Your task is to write out exactly the lines of the listing below, from the first down to the line that holds "#121=IFCINDEXEDPOLYGONALFACE((67,71,72,68));".

*** TASK MATERIAL ***

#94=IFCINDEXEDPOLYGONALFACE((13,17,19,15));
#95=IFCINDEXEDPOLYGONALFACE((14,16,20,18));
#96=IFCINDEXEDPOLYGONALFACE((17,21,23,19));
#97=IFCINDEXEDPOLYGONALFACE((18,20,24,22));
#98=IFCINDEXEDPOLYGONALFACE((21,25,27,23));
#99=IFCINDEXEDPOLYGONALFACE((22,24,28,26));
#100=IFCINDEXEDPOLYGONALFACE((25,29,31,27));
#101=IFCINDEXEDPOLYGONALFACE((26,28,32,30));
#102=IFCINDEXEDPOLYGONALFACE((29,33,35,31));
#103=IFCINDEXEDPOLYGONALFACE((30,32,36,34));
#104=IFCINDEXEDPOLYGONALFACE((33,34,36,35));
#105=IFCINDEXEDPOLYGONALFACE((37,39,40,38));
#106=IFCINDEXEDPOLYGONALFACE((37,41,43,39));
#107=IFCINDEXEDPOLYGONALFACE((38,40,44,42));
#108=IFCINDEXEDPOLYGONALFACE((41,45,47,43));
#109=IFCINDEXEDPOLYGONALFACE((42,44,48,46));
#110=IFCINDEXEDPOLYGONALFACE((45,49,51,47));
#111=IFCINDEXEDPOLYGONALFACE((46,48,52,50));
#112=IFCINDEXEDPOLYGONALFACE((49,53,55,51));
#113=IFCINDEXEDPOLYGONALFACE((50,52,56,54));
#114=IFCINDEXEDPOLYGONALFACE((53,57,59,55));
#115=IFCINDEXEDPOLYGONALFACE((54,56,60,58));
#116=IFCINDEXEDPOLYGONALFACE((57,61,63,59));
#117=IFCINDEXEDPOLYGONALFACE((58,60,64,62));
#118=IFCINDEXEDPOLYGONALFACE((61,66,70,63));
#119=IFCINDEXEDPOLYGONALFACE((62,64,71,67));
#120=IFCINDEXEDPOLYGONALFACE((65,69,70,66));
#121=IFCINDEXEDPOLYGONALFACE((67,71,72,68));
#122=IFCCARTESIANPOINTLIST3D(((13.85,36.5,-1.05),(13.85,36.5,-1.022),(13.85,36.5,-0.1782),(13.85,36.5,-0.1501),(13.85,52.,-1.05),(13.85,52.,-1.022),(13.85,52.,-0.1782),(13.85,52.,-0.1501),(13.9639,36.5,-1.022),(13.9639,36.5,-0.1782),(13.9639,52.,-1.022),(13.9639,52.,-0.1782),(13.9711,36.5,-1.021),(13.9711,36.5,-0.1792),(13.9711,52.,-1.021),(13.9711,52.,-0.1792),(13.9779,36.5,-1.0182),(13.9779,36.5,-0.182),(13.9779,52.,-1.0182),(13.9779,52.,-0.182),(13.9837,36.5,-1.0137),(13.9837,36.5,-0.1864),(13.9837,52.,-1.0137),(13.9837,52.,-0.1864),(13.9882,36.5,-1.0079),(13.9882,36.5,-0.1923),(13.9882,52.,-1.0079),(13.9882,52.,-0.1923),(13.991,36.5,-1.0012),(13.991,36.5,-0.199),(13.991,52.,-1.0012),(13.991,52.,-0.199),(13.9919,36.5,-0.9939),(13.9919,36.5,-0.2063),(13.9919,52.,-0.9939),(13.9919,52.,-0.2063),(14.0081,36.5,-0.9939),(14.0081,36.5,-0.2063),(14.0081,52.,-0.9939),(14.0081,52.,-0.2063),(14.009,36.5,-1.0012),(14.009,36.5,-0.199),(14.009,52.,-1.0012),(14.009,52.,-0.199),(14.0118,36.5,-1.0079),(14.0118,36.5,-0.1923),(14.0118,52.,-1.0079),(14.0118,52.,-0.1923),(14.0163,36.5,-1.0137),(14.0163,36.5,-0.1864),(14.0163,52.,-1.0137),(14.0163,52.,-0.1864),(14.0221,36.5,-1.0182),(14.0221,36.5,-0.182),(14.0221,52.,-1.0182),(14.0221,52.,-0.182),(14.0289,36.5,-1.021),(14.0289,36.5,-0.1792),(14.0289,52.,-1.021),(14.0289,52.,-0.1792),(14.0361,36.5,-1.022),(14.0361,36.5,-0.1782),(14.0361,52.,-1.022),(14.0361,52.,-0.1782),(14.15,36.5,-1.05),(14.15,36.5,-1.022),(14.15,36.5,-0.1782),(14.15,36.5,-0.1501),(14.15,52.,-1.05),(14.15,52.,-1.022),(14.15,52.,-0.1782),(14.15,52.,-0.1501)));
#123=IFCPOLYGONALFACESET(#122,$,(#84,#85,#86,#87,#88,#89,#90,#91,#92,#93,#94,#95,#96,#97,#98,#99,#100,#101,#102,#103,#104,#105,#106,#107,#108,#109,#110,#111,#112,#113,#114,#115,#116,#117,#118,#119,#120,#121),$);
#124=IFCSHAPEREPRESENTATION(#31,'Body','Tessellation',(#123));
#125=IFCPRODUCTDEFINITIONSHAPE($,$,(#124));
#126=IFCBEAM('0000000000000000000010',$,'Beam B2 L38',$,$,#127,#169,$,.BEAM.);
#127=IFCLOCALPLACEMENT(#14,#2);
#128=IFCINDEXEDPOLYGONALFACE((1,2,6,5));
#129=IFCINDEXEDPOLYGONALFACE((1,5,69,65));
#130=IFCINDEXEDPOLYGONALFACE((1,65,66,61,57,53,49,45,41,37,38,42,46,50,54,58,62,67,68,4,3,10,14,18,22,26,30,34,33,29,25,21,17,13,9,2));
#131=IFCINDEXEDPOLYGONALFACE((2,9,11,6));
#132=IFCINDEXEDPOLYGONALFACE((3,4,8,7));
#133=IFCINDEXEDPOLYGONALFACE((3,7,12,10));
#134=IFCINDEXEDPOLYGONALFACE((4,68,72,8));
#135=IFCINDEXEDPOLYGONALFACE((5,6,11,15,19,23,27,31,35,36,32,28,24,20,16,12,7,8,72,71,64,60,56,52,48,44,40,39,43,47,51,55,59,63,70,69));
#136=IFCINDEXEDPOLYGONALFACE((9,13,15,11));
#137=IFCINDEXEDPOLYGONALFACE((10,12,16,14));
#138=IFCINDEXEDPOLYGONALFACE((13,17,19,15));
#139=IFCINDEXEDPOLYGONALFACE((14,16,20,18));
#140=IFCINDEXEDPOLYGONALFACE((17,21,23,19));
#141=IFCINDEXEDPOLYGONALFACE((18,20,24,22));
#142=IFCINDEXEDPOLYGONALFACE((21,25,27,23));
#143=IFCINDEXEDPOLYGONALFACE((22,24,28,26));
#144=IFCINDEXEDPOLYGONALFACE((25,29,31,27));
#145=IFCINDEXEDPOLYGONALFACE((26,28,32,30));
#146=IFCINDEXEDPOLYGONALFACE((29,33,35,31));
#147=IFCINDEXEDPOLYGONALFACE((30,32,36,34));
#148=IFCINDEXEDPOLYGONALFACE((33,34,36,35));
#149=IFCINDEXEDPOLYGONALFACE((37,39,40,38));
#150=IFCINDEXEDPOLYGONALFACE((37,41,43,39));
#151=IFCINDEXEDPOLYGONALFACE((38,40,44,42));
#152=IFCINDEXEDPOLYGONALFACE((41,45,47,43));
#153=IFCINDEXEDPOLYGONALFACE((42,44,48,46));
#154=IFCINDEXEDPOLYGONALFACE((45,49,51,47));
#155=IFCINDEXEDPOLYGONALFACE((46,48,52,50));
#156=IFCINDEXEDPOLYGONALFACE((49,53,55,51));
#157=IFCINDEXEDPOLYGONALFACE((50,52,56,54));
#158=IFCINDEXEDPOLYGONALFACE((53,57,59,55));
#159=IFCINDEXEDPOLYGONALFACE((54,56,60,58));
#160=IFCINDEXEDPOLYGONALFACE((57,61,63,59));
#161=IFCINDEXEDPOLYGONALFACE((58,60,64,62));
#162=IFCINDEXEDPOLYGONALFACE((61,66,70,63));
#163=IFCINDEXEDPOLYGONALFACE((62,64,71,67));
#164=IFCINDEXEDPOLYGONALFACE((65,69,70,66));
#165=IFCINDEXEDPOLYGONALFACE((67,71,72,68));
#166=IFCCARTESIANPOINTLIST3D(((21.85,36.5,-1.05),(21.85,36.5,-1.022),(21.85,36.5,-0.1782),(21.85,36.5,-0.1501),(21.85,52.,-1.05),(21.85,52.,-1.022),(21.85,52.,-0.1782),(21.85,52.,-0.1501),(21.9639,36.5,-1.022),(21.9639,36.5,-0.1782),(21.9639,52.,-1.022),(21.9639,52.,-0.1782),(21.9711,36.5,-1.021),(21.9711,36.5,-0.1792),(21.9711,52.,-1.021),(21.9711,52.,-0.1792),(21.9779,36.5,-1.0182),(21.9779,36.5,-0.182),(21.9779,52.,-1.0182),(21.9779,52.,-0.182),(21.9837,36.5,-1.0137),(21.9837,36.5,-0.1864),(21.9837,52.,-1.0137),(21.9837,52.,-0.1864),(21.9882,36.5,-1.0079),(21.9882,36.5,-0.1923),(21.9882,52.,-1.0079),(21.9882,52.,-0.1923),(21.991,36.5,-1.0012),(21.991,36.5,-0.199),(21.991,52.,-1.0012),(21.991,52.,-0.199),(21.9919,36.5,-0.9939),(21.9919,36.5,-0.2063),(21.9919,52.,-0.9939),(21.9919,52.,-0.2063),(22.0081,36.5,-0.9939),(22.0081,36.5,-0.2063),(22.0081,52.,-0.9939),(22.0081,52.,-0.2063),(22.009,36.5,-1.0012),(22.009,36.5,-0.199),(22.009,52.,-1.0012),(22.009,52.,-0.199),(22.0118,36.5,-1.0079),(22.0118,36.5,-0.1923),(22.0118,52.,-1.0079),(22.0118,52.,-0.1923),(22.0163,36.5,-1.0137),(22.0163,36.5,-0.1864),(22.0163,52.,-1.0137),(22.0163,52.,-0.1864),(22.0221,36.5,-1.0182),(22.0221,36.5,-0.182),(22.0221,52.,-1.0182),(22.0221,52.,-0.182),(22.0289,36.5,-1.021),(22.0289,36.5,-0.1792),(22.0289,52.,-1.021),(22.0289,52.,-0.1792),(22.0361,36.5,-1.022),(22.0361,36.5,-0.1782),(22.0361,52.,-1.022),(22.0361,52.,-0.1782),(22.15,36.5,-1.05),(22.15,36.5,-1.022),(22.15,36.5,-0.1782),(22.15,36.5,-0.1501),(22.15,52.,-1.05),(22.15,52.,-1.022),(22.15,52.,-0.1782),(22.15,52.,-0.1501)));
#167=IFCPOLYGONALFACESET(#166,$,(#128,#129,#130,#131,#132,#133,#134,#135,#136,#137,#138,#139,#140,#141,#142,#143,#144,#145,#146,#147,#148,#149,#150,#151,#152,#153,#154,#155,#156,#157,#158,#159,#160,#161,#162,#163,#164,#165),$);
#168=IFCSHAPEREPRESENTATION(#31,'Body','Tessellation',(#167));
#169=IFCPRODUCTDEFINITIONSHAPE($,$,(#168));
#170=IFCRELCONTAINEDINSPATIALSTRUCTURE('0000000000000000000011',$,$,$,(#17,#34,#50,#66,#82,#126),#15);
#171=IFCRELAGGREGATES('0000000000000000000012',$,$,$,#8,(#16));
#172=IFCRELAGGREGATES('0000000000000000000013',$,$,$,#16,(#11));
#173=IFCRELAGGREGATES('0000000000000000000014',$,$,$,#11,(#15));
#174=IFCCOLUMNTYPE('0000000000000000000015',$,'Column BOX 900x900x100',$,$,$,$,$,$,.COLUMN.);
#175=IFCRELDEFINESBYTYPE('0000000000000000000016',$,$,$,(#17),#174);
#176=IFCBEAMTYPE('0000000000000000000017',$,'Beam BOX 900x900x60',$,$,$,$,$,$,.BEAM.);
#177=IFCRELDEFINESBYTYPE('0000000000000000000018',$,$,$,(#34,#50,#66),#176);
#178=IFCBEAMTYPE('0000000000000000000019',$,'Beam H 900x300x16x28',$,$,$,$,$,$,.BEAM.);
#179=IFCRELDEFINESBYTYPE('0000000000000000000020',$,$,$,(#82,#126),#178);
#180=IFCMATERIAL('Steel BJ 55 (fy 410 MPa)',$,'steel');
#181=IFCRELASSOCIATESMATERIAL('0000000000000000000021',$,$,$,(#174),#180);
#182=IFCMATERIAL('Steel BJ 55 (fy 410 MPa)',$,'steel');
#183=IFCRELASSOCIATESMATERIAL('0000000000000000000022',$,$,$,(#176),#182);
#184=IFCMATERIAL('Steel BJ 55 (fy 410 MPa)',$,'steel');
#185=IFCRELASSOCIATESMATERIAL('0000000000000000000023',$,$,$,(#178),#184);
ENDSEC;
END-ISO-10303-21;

*** End of TASK MATERIAL ***

TASK RESPONSE:
#94=IFCINDEXEDPOLYGONALFACE((13,17,19,15));
#95=IFCINDEXEDPOLYGONALFACE((14,16,20,18));
#96=IFCINDEXEDPOLYGONALFACE((17,21,23,19));
#97=IFCINDEXEDPOLYGONALFACE((18,20,24,22));
#98=IFCINDEXEDPOLYGONALFACE((21,25,27,23));
#99=IFCINDEXEDPOLYGONALFACE((22,24,28,26));
#100=IFCINDEXEDPOLYGONALFACE((25,29,31,27));
#101=IFCINDEXEDPOLYGONALFACE((26,28,32,30));
#102=IFCINDEXEDPOLYGONALFACE((29,33,35,31));
#103=IFCINDEXEDPOLYGONALFACE((30,32,36,34));
#104=IFCINDEXEDPOLYGONALFACE((33,34,36,35));
#105=IFCINDEXEDPOLYGONALFACE((37,39,40,38));
#106=IFCINDEXEDPOLYGONALFACE((37,41,43,39));
#107=IFCINDEXEDPOLYGONALFACE((38,40,44,42));
#108=IFCINDEXEDPOLYGONALFACE((41,45,47,43));
#109=IFCINDEXEDPOLYGONALFACE((42,44,48,46));
#110=IFCINDEXEDPOLYGONALFACE((45,49,51,47));
#111=IFCINDEXEDPOLYGONALFACE((46,48,52,50));
#112=IFCINDEXEDPOLYGONALFACE((49,53,55,51));
#113=IFCINDEXEDPOLYGONALFACE((50,52,56,54));
#114=IFCINDEXEDPOLYGONALFACE((53,57,59,55));
#115=IFCINDEXEDPOLYGONALFACE((54,56,60,58));
#116=IFCINDEXEDPOLYGONALFACE((57,61,63,59));
#117=IFCINDEXEDPOLYGONALFACE((58,60,64,62));
#118=IFCINDEXEDPOLYGONALFACE((61,66,70,63));
#119=IFCINDEXEDPOLYGONALFACE((62,64,71,67));
#120=IFCINDEXEDPOLYGONALFACE((65,69,70,66));
#121=IFCINDEXEDPOLYGONALFACE((67,71,72,68));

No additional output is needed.